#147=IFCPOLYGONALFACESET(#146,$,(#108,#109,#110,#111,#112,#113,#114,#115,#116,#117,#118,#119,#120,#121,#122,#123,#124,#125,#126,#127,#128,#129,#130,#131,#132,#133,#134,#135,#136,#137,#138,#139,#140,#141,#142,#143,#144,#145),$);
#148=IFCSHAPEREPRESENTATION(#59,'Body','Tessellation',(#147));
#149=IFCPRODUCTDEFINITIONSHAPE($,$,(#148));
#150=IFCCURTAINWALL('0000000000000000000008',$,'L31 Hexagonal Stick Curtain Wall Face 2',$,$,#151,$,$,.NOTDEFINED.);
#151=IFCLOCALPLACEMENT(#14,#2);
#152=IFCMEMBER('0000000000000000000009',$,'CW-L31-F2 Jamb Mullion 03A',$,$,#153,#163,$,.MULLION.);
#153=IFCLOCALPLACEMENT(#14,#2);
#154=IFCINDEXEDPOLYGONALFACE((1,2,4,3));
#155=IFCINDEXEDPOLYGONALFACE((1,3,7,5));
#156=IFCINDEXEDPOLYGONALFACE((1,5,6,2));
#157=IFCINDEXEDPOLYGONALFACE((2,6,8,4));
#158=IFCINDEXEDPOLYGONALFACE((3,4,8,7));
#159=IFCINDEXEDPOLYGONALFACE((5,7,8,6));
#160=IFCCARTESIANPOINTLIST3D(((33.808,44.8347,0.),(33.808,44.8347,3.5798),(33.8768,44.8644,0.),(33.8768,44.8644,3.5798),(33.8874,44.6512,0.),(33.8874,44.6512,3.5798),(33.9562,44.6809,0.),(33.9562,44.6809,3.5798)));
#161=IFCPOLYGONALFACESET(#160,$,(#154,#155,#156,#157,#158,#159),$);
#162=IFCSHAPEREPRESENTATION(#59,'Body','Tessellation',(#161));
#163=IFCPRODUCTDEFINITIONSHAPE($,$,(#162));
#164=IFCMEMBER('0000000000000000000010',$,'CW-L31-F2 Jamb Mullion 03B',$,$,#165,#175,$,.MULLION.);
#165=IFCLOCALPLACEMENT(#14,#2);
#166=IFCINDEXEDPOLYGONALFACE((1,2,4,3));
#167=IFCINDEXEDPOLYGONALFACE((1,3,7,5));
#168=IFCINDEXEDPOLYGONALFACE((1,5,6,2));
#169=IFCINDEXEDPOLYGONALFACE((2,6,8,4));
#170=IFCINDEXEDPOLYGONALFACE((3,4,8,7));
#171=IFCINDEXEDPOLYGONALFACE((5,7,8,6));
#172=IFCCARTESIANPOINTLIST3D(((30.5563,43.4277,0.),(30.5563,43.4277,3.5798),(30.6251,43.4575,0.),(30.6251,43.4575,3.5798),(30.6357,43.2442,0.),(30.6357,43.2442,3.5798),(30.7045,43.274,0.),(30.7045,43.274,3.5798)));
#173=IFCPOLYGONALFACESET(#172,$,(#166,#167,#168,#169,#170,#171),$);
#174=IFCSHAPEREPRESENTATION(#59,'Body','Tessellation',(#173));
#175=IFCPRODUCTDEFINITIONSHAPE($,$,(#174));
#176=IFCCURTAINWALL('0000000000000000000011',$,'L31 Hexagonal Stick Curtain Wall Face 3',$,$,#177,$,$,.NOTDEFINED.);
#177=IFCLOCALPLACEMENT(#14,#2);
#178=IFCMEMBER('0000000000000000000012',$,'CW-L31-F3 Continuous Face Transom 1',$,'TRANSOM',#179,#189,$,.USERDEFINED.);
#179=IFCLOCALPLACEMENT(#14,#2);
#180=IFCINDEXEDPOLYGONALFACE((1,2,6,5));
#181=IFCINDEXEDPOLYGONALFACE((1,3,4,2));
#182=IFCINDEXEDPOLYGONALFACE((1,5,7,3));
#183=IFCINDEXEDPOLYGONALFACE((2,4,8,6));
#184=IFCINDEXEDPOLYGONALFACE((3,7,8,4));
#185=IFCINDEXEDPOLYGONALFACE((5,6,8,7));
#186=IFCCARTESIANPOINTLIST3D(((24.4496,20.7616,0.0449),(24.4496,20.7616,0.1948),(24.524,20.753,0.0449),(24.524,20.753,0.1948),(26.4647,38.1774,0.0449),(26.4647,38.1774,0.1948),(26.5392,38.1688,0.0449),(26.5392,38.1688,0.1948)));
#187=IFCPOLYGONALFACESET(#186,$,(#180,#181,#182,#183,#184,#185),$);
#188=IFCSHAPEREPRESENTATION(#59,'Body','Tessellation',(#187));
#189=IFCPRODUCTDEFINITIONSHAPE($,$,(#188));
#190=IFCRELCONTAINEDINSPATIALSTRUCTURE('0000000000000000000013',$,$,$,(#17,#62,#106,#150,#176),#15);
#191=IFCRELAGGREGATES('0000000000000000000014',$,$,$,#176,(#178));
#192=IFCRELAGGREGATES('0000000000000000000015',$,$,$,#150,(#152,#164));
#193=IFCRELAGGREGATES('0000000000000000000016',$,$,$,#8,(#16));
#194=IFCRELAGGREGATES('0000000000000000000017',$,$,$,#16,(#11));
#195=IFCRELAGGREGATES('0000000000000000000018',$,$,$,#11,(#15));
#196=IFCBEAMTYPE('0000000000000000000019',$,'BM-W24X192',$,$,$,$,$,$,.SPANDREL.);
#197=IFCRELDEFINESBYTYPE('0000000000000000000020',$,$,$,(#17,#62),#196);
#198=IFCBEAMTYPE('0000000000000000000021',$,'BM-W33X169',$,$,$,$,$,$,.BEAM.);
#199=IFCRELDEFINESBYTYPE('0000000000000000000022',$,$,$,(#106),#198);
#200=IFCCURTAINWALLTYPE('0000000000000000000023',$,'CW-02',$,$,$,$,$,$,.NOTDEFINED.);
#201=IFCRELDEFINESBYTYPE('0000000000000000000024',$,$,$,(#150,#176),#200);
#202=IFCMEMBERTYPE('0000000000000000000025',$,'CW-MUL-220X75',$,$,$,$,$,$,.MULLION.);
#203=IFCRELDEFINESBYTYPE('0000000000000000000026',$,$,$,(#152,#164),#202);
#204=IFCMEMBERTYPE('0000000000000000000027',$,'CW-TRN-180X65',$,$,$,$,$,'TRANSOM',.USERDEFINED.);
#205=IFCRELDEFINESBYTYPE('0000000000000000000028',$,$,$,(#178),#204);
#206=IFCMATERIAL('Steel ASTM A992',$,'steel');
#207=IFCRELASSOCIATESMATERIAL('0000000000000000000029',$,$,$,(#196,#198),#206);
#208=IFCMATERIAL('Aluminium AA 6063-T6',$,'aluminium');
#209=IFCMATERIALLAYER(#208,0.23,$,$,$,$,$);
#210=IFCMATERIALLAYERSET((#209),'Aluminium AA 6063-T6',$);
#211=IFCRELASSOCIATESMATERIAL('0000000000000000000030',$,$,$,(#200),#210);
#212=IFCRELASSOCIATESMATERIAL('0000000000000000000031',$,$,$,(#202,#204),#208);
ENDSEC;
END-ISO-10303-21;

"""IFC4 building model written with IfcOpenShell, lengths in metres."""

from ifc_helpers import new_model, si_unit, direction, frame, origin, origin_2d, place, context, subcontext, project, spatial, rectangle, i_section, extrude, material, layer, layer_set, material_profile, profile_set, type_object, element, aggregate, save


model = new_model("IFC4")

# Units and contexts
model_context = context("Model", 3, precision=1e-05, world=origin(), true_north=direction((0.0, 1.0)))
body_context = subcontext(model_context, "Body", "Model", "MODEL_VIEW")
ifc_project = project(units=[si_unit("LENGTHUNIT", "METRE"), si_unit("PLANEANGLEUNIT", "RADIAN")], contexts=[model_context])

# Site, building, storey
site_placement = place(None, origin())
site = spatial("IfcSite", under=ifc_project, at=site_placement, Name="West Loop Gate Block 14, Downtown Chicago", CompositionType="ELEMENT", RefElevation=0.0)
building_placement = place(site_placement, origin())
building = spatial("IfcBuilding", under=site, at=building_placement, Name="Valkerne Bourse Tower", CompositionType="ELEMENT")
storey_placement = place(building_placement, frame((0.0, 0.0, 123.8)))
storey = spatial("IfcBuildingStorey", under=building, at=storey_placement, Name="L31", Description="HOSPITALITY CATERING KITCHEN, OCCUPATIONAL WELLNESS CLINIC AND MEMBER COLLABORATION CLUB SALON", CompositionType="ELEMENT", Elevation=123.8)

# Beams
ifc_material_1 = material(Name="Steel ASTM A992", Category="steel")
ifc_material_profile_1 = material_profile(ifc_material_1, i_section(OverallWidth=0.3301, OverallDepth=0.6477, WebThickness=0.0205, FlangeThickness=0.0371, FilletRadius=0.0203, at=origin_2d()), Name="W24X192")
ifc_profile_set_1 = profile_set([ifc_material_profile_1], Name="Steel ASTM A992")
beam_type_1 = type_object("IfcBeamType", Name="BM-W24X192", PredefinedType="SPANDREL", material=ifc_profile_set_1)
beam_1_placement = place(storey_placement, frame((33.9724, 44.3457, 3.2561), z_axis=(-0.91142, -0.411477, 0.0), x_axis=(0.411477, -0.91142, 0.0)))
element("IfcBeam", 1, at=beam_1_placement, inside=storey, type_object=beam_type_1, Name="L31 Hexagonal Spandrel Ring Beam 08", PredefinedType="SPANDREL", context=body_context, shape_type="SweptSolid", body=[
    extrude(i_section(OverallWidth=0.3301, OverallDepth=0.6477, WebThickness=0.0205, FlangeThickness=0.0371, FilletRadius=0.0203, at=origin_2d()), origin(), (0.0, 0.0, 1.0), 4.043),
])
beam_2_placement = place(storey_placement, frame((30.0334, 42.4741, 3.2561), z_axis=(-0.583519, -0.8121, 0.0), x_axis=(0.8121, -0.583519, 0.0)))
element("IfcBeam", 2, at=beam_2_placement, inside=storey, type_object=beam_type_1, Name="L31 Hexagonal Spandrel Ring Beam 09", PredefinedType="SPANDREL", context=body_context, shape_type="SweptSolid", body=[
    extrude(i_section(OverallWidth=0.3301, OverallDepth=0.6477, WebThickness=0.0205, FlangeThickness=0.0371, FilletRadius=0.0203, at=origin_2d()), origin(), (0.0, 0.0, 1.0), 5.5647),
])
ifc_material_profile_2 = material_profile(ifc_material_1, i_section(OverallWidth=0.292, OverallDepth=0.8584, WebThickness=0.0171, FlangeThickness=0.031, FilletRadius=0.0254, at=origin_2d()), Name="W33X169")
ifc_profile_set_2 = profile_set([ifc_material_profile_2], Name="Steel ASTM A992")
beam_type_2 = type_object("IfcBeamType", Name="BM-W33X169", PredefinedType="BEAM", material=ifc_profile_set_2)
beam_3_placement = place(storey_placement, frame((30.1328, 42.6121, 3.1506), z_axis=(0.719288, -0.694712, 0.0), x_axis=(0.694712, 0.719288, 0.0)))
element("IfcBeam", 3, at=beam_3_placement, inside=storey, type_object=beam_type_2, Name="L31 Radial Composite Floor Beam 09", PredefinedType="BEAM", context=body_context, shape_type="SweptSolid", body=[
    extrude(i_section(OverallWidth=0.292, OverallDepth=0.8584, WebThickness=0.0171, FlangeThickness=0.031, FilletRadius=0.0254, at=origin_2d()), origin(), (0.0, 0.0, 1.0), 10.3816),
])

---+---

• TASK
Beginning at the first line of the records, give again each line exactly as written, ending with the line that contains "#159=IFCINDEXEDPOLYGONALFACE((5,7,8,6));".

• WRITTEN SOLUTION
#147=IFCPOLYGONALFACESET(#146,$,(#108,#109,#110,#111,#112,#113,#114,#115,#116,#117,#118,#119,#120,#121,#122,#123,#124,#125,#126,#127,#128,#129,#130,#131,#132,#133,#134,#135,#136,#137,#138,#139,#140,#141,#142,#143,#144,#145),$);
#148=IFCSHAPEREPRESENTATION(#59,'Body','Tessellation',(#147));
#149=IFCPRODUCTDEFINITIONSHAPE($,$,(#148));
#150=IFCCURTAINWALL('0000000000000000000008',$,'L31 Hexagonal Stick Curtain Wall Face 2',$,$,#151,$,$,.NOTDEFINED.);
#151=IFCLOCALPLACEMENT(#14,#2);
#152=IFCMEMBER('0000000000000000000009',$,'CW-L31-F2 Jamb Mullion 03A',$,$,#153,#163,$,.MULLION.);
#153=IFCLOCALPLACEMENT(#14,#2);
#154=IFCINDEXEDPOLYGONALFACE((1,2,4,3));
#155=IFCINDEXEDPOLYGONALFACE((1,3,7,5));
#156=IFCINDEXEDPOLYGONALFACE((1,5,6,2));
#157=IFCINDEXEDPOLYGONALFACE((2,6,8,4));
#158=IFCINDEXEDPOLYGONALFACE((3,4,8,7));
#159=IFCINDEXEDPOLYGONALFACE((5,7,8,6));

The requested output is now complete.